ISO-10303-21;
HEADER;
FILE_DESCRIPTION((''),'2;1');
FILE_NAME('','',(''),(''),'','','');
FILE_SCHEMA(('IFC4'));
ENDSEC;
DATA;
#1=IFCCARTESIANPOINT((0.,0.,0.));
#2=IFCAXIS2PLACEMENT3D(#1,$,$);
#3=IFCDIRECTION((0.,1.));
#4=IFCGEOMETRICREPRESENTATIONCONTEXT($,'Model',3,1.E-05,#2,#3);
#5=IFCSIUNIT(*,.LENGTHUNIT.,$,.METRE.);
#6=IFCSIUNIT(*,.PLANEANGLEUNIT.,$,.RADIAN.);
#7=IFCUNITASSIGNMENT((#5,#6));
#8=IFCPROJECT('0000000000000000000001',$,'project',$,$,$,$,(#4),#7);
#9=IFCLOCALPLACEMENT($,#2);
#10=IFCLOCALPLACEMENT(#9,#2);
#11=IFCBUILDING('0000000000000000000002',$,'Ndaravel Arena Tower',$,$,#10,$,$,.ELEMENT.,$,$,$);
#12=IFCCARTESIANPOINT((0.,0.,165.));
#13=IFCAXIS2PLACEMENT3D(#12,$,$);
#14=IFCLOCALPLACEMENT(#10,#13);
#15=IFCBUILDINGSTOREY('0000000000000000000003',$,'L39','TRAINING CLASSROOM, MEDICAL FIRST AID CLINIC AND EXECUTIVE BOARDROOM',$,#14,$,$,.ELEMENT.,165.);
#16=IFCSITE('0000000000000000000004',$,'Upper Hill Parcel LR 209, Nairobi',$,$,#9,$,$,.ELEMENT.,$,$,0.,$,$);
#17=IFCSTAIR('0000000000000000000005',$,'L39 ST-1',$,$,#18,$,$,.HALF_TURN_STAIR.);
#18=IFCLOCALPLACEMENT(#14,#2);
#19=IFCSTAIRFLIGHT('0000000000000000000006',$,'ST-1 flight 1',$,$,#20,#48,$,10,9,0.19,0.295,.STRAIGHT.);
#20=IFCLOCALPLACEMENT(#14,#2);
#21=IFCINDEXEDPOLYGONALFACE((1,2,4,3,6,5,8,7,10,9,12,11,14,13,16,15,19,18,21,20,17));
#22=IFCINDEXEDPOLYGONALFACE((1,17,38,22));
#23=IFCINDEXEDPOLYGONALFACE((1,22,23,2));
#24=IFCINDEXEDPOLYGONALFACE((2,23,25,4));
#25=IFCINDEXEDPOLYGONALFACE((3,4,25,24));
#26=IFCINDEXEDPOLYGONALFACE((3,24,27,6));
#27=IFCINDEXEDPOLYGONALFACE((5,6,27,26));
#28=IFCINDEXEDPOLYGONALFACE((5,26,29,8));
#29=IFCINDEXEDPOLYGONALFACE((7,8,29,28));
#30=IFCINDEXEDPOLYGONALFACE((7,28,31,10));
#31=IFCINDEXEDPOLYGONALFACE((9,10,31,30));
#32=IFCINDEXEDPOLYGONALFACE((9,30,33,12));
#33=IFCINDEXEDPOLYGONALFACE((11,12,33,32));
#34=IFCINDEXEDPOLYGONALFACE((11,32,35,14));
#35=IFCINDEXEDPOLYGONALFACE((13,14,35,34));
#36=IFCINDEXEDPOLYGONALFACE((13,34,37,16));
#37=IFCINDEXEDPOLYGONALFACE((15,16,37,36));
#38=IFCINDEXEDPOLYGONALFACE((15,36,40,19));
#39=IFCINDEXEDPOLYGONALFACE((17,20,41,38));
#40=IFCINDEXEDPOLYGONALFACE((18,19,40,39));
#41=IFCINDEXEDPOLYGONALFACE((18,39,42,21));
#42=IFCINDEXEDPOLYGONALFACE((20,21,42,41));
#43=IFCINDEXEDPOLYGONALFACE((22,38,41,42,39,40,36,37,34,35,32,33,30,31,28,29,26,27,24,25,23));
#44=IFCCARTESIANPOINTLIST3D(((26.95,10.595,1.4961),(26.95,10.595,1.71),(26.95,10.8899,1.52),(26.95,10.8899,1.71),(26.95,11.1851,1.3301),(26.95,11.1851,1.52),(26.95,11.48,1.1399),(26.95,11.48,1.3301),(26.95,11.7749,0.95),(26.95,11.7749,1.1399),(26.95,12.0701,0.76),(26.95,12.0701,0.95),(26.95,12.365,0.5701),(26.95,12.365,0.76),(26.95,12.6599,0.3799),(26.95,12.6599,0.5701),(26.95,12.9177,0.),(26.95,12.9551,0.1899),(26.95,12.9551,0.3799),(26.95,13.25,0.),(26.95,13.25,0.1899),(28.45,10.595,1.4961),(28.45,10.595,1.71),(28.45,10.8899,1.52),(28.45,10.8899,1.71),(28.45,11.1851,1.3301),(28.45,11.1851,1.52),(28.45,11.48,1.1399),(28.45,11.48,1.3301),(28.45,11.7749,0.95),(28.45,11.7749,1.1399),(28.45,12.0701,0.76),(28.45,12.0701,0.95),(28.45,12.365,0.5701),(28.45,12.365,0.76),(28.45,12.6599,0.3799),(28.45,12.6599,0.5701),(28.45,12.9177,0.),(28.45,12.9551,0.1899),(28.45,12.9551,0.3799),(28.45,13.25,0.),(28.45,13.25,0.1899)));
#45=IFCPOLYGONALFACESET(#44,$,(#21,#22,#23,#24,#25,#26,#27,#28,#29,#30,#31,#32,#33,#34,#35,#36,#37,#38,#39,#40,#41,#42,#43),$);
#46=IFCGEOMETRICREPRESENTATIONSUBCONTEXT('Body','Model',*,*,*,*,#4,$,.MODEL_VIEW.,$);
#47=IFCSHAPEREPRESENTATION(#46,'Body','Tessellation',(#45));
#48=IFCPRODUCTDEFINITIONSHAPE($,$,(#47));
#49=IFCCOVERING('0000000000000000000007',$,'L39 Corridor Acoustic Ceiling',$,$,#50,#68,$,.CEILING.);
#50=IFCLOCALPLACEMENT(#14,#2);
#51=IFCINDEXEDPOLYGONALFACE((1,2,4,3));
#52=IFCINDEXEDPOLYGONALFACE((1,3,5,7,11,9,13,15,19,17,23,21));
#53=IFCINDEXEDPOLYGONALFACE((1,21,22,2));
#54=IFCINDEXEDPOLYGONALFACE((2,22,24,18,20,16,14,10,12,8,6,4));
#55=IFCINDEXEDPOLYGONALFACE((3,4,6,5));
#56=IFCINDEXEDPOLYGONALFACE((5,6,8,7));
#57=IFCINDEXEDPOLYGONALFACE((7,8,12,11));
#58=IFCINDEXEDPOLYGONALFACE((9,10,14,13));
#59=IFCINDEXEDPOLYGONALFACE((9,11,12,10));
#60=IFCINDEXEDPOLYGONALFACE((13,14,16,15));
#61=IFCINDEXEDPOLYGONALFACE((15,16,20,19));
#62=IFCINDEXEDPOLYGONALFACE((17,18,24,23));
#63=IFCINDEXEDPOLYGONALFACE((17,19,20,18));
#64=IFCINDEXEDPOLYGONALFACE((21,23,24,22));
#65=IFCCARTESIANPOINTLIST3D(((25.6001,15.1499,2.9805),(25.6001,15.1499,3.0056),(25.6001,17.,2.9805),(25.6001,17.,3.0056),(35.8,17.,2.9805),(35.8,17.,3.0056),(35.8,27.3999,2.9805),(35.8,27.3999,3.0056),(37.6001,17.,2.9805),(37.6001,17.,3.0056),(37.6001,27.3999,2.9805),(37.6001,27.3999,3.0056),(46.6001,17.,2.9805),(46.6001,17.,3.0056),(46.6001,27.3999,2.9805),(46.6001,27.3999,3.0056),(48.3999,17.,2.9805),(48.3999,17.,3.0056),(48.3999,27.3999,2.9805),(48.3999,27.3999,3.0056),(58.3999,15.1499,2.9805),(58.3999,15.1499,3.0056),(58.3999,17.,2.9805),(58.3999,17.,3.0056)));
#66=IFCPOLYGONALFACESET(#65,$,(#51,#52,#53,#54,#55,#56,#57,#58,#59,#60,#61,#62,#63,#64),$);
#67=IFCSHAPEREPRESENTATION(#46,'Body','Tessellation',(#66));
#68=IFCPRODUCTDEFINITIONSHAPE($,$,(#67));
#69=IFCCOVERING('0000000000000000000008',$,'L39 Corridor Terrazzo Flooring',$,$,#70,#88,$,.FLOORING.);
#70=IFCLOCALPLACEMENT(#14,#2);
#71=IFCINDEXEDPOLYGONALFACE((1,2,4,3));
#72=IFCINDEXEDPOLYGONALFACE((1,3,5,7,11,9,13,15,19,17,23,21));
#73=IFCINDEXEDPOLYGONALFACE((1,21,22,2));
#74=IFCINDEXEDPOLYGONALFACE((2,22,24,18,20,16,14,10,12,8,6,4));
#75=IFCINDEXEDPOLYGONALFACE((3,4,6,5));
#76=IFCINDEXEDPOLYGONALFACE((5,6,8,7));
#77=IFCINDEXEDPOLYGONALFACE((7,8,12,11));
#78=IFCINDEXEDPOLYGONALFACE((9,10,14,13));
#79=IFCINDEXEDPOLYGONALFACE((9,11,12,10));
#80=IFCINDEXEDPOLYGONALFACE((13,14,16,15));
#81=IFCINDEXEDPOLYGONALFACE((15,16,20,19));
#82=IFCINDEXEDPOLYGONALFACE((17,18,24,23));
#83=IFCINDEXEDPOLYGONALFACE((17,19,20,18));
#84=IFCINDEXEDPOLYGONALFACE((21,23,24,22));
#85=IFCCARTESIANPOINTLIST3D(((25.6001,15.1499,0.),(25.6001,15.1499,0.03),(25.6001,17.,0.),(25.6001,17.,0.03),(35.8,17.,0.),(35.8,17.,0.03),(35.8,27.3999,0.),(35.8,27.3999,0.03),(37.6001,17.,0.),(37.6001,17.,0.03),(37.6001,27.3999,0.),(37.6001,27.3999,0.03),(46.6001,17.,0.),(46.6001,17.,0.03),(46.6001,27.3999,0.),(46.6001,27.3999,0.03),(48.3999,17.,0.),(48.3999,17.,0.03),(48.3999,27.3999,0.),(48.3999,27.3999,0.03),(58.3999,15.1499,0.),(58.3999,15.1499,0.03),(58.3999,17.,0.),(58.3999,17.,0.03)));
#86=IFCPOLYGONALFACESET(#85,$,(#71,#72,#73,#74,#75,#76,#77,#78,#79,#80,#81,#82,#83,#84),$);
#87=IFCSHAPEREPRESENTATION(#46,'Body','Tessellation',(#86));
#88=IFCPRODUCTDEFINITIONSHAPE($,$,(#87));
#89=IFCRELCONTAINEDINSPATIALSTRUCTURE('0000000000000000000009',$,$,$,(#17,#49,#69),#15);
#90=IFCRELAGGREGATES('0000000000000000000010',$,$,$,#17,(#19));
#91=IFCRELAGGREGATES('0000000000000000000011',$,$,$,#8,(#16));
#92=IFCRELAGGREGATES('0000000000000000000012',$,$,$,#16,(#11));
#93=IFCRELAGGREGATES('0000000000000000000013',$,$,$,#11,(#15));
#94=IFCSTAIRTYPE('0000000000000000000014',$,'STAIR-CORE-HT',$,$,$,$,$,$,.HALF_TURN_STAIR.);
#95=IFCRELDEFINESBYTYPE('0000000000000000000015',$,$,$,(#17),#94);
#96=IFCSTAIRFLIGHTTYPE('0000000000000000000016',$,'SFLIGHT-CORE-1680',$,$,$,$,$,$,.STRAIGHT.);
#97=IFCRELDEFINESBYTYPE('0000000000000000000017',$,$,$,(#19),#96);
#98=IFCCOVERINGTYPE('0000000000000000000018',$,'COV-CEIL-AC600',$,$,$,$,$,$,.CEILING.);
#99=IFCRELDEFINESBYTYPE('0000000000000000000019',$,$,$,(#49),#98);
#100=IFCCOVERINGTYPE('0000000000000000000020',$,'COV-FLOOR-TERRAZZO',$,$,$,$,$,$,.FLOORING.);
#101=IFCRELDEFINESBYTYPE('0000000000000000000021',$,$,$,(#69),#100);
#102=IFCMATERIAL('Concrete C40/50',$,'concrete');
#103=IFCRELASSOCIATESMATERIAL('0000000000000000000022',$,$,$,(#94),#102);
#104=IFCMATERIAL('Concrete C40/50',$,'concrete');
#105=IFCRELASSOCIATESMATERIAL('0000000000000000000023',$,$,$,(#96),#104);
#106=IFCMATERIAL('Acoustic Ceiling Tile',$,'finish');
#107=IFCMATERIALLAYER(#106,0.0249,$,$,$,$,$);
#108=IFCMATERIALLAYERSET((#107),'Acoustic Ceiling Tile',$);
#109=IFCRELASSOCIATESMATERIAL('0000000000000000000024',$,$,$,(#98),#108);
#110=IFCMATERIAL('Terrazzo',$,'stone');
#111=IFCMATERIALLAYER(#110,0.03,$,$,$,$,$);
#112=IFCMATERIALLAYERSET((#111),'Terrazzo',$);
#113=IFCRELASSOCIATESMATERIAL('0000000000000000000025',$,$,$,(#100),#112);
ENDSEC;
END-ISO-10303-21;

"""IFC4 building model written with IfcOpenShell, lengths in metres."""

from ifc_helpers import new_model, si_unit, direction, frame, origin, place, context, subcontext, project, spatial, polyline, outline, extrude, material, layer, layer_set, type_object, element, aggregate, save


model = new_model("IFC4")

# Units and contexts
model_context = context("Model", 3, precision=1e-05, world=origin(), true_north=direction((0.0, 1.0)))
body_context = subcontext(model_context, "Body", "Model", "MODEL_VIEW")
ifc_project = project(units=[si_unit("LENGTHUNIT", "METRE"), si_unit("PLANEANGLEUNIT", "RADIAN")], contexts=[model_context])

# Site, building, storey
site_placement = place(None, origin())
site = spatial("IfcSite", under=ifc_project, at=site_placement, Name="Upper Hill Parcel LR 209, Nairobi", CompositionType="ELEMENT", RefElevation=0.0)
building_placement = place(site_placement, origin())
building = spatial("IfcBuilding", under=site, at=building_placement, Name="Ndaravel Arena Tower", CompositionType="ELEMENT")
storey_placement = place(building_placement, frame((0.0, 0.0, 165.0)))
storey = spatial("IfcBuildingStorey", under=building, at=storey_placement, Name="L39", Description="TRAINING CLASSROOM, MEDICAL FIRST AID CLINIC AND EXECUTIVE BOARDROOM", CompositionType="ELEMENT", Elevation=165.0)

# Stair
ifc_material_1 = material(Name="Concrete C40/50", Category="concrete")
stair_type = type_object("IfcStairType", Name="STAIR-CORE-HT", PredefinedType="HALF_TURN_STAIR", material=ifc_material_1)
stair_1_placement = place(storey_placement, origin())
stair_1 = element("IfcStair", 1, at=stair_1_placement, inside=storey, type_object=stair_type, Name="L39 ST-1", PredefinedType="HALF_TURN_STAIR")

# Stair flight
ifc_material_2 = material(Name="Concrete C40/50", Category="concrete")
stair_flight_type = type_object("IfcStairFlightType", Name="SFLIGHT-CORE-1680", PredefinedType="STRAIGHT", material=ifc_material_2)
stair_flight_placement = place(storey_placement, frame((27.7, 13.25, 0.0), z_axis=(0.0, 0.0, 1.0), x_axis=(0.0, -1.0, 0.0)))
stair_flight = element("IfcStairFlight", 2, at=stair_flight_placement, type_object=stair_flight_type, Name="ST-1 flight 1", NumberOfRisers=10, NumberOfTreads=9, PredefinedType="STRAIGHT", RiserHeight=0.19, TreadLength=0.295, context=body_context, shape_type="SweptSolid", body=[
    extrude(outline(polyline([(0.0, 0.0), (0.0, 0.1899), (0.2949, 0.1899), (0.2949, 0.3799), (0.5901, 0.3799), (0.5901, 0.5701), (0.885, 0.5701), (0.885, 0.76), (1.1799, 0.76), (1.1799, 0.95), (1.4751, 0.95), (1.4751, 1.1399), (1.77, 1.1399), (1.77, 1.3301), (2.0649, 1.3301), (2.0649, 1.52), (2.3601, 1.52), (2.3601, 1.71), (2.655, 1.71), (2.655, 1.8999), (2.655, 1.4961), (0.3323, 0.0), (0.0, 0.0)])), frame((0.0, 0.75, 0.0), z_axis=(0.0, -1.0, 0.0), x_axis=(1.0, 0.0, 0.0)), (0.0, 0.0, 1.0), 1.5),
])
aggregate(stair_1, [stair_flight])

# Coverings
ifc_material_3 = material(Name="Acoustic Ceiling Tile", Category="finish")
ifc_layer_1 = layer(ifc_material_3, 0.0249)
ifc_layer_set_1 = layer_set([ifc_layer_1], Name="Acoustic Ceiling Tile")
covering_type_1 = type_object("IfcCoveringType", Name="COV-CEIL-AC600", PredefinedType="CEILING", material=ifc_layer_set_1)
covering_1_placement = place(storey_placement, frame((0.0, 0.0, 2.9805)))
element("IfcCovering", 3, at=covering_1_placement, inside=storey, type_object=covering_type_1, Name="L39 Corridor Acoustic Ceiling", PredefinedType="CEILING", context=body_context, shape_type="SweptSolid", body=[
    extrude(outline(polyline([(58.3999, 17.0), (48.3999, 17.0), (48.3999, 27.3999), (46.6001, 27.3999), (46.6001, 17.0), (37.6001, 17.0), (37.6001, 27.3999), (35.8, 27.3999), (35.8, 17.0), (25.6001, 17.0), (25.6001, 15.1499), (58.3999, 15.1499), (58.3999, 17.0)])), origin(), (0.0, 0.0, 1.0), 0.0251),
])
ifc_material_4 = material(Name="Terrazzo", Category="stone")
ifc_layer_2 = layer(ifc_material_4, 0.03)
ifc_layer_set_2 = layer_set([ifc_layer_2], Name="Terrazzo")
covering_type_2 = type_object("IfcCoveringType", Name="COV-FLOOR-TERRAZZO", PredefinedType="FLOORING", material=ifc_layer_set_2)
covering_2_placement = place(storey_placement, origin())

# WHAT IS NEEDED
Pull out all lines containing the word "IFCLOCALPLACEMENT" from the entries above.

# RESULT OF THE TASK
#9=IFCLOCALPLACEMENT($,#2);
#10=IFCLOCALPLACEMENT(#9,#2);
#14=IFCLOCALPLACEMENT(#10,#13);
#18=IFCLOCALPLACEMENT(#14,#2);
#20=IFCLOCALPLACEMENT(#14,#2);
#50=IFCLOCALPLACEMENT(#14,#2);
#70=IFCLOCALPLACEMENT(#14,#2);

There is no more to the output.